Instruction for the data below: set down exactly the lines from the line with "#43=IFCLOCALPLACEMENT(#14,#2);" to the line with "#61=IFCINDEXEDPOLYGONALFACE((5,7,8,6));", inclusive, and no others.

[[ GIVEN RECORDS open ]]

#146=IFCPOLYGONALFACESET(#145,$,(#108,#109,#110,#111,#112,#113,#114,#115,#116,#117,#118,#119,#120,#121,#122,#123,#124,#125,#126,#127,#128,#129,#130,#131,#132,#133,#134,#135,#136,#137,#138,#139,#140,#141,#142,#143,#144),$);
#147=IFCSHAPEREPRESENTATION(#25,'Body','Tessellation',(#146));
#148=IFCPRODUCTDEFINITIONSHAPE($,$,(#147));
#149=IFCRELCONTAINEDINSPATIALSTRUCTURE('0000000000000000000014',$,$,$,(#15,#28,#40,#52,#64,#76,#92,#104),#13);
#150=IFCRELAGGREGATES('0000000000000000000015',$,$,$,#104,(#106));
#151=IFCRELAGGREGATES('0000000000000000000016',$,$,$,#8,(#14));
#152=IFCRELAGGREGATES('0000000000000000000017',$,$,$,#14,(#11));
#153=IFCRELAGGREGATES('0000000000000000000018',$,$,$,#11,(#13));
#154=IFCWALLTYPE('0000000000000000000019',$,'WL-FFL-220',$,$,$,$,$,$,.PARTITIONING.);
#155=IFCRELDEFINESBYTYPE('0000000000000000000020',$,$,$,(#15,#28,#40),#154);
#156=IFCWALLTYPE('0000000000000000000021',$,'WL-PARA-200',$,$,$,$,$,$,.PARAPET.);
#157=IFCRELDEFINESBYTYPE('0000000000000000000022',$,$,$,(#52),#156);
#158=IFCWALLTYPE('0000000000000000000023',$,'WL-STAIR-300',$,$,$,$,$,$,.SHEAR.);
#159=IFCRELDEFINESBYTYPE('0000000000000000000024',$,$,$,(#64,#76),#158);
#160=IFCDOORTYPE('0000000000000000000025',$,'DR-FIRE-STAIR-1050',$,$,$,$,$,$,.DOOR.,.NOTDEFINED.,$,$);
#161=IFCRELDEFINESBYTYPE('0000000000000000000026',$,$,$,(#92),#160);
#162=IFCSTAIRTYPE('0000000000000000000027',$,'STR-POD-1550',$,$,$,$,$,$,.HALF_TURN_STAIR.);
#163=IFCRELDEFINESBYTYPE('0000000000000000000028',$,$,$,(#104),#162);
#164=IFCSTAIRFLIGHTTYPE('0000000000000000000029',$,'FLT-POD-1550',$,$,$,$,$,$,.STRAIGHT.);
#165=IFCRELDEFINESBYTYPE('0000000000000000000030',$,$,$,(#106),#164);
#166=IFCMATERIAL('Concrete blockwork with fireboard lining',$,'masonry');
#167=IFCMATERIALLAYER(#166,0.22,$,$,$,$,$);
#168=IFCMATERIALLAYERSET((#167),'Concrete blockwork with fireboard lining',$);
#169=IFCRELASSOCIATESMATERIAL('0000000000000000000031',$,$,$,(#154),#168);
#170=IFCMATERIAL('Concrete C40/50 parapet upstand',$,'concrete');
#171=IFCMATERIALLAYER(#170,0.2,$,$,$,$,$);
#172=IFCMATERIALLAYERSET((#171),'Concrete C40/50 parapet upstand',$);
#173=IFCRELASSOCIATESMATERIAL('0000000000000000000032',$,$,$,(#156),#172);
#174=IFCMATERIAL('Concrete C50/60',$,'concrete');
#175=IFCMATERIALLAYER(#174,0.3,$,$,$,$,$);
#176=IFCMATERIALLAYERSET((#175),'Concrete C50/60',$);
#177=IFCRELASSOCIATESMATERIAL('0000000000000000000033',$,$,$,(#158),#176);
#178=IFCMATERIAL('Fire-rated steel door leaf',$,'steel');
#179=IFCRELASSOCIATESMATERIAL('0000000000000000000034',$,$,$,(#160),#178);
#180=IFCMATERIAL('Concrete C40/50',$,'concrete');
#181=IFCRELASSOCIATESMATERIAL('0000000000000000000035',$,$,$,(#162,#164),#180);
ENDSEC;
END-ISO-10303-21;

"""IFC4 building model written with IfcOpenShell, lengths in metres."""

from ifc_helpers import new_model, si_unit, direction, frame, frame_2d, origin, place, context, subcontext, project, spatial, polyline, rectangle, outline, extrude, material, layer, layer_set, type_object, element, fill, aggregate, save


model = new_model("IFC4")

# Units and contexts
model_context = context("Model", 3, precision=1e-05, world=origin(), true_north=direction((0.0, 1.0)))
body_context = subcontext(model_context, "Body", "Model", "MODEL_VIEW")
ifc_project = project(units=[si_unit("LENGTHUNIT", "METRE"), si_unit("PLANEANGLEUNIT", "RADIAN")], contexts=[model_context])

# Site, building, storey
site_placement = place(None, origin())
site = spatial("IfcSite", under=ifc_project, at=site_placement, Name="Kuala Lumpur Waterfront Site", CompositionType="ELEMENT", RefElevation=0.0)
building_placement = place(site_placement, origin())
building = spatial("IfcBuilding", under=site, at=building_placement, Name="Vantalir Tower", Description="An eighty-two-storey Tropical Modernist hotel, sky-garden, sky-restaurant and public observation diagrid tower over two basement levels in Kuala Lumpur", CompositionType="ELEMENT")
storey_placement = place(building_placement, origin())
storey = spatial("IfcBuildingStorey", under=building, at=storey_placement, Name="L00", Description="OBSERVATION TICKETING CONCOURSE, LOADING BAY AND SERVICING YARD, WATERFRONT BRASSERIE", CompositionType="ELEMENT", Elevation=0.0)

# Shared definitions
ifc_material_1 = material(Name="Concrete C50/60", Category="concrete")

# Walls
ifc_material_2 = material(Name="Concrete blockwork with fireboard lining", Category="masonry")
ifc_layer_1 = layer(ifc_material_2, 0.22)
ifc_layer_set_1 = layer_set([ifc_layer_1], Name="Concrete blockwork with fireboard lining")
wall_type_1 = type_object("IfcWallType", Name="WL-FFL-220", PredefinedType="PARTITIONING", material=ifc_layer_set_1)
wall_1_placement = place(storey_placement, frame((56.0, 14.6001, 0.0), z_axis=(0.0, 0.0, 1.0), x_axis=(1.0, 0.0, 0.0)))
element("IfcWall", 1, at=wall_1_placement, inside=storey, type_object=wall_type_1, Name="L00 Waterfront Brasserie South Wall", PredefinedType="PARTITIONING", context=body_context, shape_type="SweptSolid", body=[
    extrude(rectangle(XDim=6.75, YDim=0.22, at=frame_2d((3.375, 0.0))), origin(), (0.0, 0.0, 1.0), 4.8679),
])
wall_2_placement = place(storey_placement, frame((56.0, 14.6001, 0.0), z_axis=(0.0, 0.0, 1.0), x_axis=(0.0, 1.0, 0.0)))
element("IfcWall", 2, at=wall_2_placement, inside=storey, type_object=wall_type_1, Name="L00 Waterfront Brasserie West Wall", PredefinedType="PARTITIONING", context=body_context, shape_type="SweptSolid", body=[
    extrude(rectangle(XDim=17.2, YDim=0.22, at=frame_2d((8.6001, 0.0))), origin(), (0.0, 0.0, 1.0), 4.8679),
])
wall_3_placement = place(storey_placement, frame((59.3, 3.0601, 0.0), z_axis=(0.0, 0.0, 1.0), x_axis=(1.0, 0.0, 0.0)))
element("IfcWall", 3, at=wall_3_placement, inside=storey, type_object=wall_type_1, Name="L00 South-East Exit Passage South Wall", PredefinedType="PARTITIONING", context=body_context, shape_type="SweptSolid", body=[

[[ GIVEN RECORDS closed ]]
[[ GIVEN RECORDS open ]]

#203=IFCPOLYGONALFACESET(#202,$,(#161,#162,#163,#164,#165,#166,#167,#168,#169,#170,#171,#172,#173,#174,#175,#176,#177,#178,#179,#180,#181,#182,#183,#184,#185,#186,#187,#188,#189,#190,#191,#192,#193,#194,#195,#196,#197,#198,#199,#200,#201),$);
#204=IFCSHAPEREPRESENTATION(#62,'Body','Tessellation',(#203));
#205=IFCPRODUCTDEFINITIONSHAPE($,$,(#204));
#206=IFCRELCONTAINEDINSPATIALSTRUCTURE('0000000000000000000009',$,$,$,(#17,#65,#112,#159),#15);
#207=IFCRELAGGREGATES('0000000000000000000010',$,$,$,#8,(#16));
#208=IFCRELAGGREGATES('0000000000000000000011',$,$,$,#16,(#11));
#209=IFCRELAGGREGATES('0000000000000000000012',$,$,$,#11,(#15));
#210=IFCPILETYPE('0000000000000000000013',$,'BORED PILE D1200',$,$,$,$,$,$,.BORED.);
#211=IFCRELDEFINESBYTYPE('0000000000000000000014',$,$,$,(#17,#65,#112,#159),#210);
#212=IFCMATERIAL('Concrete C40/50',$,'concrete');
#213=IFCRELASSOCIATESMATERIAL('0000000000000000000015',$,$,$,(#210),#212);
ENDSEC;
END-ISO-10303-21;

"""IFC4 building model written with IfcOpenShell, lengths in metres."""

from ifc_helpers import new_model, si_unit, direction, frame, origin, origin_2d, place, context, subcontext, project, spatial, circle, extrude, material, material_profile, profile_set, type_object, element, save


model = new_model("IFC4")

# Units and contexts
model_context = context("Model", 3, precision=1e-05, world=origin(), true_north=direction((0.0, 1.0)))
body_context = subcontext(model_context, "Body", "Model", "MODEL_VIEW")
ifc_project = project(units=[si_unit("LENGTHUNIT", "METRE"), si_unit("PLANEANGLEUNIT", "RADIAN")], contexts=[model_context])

[[ GIVEN RECORDS closed ]]
[[ GIVEN RECORDS open ]]

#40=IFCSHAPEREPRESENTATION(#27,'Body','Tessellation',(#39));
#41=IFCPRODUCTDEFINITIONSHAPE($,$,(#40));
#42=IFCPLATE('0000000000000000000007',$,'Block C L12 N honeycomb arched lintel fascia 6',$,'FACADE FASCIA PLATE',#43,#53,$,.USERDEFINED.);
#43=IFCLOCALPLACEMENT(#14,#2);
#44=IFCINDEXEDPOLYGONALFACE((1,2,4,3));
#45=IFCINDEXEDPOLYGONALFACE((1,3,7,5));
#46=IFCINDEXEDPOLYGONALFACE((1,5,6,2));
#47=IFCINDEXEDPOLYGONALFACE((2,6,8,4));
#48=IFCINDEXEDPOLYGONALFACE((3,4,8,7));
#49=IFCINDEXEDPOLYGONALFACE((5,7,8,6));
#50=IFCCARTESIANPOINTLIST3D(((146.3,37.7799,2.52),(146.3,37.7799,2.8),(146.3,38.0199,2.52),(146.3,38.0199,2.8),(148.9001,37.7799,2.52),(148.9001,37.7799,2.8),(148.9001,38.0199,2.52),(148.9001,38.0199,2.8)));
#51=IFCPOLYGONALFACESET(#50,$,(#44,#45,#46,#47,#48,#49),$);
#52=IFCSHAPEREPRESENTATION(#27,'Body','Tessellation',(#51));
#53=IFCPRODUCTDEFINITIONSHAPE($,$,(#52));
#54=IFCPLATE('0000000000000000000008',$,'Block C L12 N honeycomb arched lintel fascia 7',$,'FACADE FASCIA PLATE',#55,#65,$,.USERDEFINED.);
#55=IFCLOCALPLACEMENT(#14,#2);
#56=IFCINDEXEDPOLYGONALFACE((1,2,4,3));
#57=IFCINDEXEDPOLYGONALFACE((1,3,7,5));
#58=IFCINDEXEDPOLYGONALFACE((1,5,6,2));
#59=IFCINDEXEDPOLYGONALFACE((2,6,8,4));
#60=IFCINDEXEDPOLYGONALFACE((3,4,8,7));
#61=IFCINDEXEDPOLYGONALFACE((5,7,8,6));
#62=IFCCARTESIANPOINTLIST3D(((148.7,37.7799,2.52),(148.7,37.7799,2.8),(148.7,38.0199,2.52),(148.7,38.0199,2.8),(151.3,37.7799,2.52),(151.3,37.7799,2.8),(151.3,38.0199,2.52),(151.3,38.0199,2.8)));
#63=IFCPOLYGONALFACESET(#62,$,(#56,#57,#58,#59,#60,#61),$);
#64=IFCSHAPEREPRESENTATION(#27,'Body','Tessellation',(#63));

[[ GIVEN RECORDS closed ]]

RESPONSE TO THE EXERCISE
#43=IFCLOCALPLACEMENT(#14,#2);
#44=IFCINDEXEDPOLYGONALFACE((1,2,4,3));
#45=IFCINDEXEDPOLYGONALFACE((1,3,7,5));
#46=IFCINDEXEDPOLYGONALFACE((1,5,6,2));
#47=IFCINDEXEDPOLYGONALFACE((2,6,8,4));
#48=IFCINDEXEDPOLYGONALFACE((3,4,8,7));
#49=IFCINDEXEDPOLYGONALFACE((5,7,8,6));
#50=IFCCARTESIANPOINTLIST3D(((146.3,37.7799,2.52),(146.3,37.7799,2.8),(146.3,38.0199,2.52),(146.3,38.0199,2.8),(148.9001,37.7799,2.52),(148.9001,37.7799,2.8),(148.9001,38.0199,2.52),(148.9001,38.0199,2.8)));
#51=IFCPOLYGONALFACESET(#50,$,(#44,#45,#46,#47,#48,#49),$);
#52=IFCSHAPEREPRESENTATION(#27,'Body','Tessellation',(#51));
#53=IFCPRODUCTDEFINITIONSHAPE($,$,(#52));
#54=IFCPLATE('0000000000000000000008',$,'Block C L12 N honeycomb arched lintel fascia 7',$,'FACADE FASCIA PLATE',#55,#65,$,.USERDEFINED.);
#55=IFCLOCALPLACEMENT(#14,#2);
#56=IFCINDEXEDPOLYGONALFACE((1,2,4,3));
#57=IFCINDEXEDPOLYGONALFACE((1,3,7,5));
#58=IFCINDEXEDPOLYGONALFACE((1,5,6,2));
#59=IFCINDEXEDPOLYGONALFACE((2,6,8,4));
#60=IFCINDEXEDPOLYGONALFACE((3,4,8,7));
#61=IFCINDEXEDPOLYGONALFACE((5,7,8,6));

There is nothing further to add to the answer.